*ASSIGNMENT*. Restate word for word the lines of the records below, starting at the line that contains "District Parcel, Sao" and ending at the line that contains "frame((78.0601, 23.25, 2.7002)))", with both of those lines included and nothing else.

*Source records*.

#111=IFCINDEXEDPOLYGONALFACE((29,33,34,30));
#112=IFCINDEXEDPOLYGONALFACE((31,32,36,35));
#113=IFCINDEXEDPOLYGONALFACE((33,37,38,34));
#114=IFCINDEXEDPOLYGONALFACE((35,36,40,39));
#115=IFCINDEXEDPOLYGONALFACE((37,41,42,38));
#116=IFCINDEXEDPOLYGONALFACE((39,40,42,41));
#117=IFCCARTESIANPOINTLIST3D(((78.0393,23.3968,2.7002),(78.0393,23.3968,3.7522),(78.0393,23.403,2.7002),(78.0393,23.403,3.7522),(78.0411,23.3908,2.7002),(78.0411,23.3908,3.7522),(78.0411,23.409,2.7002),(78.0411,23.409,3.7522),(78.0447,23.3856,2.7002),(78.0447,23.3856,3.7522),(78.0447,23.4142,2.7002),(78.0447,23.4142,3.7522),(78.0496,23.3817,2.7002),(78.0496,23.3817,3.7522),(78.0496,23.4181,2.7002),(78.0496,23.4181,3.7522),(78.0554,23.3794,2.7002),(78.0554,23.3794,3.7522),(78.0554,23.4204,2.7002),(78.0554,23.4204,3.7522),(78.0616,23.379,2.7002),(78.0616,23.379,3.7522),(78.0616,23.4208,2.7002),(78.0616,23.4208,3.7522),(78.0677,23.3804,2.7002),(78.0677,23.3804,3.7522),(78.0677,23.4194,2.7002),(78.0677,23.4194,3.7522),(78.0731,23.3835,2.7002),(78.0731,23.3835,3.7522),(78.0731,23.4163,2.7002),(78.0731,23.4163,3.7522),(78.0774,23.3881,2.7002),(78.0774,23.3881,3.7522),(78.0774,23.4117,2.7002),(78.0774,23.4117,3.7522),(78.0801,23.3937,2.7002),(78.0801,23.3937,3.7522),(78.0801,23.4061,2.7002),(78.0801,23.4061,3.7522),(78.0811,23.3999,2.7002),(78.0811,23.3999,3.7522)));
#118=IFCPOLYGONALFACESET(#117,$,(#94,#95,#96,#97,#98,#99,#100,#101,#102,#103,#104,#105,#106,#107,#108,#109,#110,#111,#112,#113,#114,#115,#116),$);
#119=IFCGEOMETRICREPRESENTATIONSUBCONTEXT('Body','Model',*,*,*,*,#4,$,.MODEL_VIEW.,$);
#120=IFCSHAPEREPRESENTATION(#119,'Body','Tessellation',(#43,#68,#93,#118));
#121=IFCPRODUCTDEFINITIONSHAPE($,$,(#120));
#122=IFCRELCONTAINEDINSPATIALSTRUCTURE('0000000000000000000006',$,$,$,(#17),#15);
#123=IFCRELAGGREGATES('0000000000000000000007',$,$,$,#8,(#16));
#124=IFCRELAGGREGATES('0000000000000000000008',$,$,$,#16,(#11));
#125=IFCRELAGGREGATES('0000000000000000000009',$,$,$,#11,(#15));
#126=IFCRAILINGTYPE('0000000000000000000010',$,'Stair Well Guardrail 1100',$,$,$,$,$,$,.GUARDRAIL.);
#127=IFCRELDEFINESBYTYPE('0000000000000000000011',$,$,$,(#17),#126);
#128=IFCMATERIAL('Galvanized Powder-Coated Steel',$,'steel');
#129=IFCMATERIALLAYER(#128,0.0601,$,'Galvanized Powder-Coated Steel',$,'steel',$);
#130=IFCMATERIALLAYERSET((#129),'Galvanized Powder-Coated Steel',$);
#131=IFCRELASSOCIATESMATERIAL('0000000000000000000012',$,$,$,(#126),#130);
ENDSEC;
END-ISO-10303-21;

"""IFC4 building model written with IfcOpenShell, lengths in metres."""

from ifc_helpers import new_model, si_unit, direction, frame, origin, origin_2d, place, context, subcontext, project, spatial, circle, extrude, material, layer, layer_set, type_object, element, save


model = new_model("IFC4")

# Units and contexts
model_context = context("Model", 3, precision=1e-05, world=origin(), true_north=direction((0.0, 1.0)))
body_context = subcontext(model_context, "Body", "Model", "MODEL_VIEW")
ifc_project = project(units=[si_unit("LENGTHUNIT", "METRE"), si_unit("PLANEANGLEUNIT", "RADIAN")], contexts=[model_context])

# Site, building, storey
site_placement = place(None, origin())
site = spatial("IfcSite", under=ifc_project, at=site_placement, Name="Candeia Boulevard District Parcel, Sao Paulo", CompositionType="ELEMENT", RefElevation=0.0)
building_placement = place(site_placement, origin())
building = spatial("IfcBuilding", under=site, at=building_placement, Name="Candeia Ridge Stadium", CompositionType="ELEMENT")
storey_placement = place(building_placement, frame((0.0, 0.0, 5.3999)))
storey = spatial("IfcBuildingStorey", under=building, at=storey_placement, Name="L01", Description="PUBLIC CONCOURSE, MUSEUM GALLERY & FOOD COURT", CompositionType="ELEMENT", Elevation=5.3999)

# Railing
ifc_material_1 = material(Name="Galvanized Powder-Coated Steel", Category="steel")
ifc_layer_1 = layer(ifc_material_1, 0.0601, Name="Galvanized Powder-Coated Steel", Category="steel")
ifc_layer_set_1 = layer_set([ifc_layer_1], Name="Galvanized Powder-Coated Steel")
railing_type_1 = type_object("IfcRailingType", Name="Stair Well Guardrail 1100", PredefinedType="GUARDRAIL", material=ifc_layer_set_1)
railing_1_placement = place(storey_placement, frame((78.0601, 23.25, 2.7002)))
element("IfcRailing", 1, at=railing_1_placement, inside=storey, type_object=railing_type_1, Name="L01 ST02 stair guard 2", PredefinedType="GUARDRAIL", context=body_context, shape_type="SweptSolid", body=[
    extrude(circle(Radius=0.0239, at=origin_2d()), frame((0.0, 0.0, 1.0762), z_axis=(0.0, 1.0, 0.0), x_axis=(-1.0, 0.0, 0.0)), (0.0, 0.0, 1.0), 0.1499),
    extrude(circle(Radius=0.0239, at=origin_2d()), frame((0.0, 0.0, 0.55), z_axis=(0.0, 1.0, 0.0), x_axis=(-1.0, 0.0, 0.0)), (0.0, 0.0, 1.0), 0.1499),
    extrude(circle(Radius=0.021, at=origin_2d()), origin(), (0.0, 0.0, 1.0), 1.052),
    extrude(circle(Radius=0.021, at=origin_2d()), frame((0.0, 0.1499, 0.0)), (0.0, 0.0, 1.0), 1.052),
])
--
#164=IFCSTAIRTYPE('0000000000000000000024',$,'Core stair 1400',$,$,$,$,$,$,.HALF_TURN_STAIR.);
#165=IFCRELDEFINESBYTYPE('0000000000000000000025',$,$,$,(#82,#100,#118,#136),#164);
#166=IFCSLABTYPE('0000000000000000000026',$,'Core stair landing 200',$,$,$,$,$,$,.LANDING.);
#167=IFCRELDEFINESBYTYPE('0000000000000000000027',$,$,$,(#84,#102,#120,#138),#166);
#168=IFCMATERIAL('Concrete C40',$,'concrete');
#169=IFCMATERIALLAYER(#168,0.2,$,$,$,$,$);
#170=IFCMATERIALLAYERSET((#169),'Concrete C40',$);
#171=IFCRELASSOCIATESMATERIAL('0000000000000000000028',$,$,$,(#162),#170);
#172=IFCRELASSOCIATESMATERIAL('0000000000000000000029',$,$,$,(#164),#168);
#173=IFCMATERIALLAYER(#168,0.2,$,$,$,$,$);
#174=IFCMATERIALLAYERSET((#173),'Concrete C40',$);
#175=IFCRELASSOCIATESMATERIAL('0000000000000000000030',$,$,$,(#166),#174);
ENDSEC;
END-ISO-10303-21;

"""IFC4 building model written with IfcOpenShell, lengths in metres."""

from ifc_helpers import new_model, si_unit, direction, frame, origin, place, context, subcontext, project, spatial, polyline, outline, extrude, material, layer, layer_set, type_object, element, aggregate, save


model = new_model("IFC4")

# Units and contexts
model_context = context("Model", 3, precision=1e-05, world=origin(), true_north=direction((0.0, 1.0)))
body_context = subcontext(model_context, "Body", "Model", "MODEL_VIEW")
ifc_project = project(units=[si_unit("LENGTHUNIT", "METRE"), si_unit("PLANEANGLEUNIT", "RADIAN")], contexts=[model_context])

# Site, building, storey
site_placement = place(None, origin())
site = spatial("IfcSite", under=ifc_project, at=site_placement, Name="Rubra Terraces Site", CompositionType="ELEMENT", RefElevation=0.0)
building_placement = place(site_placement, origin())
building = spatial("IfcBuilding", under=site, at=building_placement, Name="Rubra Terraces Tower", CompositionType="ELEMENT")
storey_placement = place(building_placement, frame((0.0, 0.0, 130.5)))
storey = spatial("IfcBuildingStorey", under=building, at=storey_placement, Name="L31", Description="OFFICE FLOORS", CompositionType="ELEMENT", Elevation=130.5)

*RESULT OF THIS TASK*.
site = spatial("IfcSite", under=ifc_project, at=site_placement, Name="Candeia Boulevard District Parcel, Sao Paulo", CompositionType="ELEMENT", RefElevation=0.0)
building_placement = place(site_placement, origin())
building = spatial("IfcBuilding", under=site, at=building_placement, Name="Candeia Ridge Stadium", CompositionType="ELEMENT")
storey_placement = place(building_placement, frame((0.0, 0.0, 5.3999)))
storey = spatial("IfcBuildingStorey", under=building, at=storey_placement, Name="L01", Description="PUBLIC CONCOURSE, MUSEUM GALLERY & FOOD COURT", CompositionType="ELEMENT", Elevation=5.3999)

# Railing
ifc_material_1 = material(Name="Galvanized Powder-Coated Steel", Category="steel")
ifc_layer_1 = layer(ifc_material_1, 0.0601, Name="Galvanized Powder-Coated Steel", Category="steel")
ifc_layer_set_1 = layer_set([ifc_layer_1], Name="Galvanized Powder-Coated Steel")
railing_type_1 = type_object("IfcRailingType", Name="Stair Well Guardrail 1100", PredefinedType="GUARDRAIL", material=ifc_layer_set_1)
railing_1_placement = place(storey_placement, frame((78.0601, 23.25, 2.7002)))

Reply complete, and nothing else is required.